▶ EXERCISE AIM
Among the entries below, find the lines with "IFCINDEXEDPOLYGONALFACE" and copy them.

::: INPUT DATA

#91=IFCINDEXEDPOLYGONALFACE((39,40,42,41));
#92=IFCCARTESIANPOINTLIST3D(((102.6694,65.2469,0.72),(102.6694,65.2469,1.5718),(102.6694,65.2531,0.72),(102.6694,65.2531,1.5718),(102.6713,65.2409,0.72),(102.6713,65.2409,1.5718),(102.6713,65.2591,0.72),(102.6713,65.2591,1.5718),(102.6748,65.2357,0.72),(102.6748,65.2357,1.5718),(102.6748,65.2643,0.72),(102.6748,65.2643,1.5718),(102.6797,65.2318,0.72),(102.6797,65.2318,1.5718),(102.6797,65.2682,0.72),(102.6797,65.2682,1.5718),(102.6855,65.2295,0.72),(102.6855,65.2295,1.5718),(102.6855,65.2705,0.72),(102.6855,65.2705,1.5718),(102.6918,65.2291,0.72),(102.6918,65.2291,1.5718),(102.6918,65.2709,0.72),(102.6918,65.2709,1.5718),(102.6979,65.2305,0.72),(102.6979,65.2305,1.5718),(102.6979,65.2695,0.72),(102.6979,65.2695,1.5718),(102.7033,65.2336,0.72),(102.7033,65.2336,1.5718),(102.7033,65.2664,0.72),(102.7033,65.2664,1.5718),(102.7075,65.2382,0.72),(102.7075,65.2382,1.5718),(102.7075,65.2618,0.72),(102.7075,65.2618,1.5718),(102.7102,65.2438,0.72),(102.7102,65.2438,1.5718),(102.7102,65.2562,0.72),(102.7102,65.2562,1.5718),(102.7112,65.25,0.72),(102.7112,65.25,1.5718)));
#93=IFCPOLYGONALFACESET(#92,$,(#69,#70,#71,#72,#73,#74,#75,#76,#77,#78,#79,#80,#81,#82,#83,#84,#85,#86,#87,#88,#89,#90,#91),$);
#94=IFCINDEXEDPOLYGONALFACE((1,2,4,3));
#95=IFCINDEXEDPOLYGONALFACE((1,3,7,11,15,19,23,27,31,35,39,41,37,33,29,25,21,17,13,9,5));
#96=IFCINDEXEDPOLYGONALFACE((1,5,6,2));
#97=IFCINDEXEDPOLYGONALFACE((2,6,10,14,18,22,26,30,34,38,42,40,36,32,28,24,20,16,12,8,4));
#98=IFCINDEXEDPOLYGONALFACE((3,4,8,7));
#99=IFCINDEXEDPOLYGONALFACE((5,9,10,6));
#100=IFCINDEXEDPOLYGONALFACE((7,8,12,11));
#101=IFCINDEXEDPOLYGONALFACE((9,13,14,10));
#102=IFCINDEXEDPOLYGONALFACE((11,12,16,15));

::::::

▶ RESPONSE TO THIS TASK
#91=IFCINDEXEDPOLYGONALFACE((39,40,42,41));
#94=IFCINDEXEDPOLYGONALFACE((1,2,4,3));
#95=IFCINDEXEDPOLYGONALFACE((1,3,7,11,15,19,23,27,31,35,39,41,37,33,29,25,21,17,13,9,5));
#96=IFCINDEXEDPOLYGONALFACE((1,5,6,2));
#97=IFCINDEXEDPOLYGONALFACE((2,6,10,14,18,22,26,30,34,38,42,40,36,32,28,24,20,16,12,8,4));
#98=IFCINDEXEDPOLYGONALFACE((3,4,8,7));
#99=IFCINDEXEDPOLYGONALFACE((5,9,10,6));
#100=IFCINDEXEDPOLYGONALFACE((7,8,12,11));
#101=IFCINDEXEDPOLYGONALFACE((9,13,14,10));
#102=IFCINDEXEDPOLYGONALFACE((11,12,16,15));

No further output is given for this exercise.